**Problem to work on**
Look through the entries and count each line that includes the string "IFCRELAGGREGATES". Reply with the number alone.

**Information shown**
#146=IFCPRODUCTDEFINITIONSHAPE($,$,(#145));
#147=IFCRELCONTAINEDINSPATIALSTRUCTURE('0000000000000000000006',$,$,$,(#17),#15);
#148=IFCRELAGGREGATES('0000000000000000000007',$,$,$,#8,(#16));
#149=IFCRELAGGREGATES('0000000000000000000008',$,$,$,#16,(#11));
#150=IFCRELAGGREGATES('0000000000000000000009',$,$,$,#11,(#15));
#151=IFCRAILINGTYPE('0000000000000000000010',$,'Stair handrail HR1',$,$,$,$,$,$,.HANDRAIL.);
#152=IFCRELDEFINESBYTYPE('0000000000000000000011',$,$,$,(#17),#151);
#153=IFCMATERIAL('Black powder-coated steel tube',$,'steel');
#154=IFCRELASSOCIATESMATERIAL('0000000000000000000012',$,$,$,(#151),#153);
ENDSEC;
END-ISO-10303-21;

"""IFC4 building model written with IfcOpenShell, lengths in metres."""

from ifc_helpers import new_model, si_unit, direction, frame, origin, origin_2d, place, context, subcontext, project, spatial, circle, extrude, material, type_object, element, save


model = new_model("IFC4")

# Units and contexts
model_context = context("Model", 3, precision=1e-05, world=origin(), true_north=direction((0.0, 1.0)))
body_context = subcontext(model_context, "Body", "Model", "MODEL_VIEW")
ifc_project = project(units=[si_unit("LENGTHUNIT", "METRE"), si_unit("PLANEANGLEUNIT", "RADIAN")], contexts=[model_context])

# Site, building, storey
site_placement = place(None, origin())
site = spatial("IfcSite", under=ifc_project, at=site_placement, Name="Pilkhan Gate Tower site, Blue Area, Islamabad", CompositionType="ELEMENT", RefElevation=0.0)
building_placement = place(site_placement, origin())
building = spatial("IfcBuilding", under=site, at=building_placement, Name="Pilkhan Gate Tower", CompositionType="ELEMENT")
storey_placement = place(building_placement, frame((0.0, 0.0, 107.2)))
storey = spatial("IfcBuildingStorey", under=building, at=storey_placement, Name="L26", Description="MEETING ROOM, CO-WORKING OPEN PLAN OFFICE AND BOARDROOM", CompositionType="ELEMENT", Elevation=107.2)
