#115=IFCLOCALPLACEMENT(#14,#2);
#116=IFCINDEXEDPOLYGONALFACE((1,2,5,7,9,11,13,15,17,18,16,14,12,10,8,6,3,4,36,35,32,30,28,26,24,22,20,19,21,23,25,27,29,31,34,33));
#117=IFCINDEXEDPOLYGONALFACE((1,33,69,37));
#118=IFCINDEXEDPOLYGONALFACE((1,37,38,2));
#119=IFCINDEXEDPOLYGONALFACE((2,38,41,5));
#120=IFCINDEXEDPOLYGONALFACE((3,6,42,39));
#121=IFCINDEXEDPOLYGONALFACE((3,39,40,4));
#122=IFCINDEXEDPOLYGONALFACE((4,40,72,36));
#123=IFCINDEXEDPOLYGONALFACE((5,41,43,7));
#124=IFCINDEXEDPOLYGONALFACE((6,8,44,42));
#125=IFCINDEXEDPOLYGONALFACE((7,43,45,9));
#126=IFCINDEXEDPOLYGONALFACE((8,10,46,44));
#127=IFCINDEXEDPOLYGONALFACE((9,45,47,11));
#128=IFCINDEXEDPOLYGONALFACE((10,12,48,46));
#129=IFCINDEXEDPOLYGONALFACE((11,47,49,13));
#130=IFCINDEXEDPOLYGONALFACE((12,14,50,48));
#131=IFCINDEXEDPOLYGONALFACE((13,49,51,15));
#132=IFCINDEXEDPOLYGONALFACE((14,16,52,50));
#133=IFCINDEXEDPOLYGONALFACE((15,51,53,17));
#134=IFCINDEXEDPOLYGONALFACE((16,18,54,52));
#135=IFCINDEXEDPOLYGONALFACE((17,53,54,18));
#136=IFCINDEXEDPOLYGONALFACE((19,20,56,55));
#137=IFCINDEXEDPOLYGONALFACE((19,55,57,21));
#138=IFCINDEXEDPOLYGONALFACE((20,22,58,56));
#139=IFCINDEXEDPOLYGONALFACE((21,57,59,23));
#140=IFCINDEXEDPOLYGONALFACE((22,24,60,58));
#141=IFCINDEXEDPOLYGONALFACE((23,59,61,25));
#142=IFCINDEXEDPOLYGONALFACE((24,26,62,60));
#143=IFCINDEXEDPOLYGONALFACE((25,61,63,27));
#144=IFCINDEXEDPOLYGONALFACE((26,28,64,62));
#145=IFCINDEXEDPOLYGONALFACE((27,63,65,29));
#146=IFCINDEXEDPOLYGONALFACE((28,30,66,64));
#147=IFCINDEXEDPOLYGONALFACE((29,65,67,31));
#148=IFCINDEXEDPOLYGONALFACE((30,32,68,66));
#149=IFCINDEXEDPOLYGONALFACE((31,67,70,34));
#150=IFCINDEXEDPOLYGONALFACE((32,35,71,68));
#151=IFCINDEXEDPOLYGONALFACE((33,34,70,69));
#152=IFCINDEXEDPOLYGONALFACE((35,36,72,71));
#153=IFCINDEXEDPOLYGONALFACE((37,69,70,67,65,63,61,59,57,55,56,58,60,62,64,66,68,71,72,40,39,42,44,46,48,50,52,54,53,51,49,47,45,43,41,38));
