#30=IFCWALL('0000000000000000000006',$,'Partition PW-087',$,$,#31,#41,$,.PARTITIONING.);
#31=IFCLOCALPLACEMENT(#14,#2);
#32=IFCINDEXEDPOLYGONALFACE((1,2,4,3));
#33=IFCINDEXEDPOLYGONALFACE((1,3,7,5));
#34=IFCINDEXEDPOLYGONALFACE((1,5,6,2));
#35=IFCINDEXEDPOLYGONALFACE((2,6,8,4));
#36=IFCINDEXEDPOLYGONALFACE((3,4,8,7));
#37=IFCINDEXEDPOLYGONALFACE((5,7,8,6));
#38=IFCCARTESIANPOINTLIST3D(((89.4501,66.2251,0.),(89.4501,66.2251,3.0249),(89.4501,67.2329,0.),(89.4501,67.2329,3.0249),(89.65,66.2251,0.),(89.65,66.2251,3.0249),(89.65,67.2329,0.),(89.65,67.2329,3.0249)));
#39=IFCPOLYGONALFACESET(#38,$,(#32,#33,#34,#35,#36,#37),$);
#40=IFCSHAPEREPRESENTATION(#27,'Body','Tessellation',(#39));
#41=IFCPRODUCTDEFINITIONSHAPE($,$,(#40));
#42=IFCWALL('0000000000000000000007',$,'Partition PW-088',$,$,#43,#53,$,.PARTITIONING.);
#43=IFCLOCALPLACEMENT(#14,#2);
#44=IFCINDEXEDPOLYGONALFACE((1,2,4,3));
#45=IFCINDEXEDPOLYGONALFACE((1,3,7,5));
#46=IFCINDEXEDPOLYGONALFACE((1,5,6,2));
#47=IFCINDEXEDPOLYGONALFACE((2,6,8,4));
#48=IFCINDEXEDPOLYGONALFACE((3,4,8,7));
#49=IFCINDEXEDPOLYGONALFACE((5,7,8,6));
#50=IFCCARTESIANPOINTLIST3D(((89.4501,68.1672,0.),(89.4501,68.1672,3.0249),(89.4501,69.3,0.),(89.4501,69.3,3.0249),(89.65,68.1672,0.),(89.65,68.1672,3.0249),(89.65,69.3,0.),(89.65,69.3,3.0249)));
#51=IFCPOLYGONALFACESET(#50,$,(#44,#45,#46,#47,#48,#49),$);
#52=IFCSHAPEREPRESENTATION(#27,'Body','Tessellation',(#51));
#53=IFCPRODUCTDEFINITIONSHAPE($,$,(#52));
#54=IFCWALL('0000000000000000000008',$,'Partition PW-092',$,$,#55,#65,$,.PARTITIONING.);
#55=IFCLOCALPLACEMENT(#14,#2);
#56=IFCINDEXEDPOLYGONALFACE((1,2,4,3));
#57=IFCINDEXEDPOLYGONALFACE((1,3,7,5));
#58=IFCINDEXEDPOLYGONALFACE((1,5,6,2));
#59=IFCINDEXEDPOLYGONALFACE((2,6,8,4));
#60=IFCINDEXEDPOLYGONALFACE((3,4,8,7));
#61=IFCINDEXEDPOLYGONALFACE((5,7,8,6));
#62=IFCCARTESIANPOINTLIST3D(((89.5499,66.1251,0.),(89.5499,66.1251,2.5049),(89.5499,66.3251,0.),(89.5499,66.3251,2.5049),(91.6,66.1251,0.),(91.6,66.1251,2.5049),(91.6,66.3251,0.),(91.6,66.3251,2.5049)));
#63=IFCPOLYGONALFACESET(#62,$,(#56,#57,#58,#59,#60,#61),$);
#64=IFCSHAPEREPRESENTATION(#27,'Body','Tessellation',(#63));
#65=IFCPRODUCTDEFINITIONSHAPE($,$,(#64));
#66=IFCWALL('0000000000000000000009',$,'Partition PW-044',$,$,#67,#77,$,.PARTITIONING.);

**Answer below**
3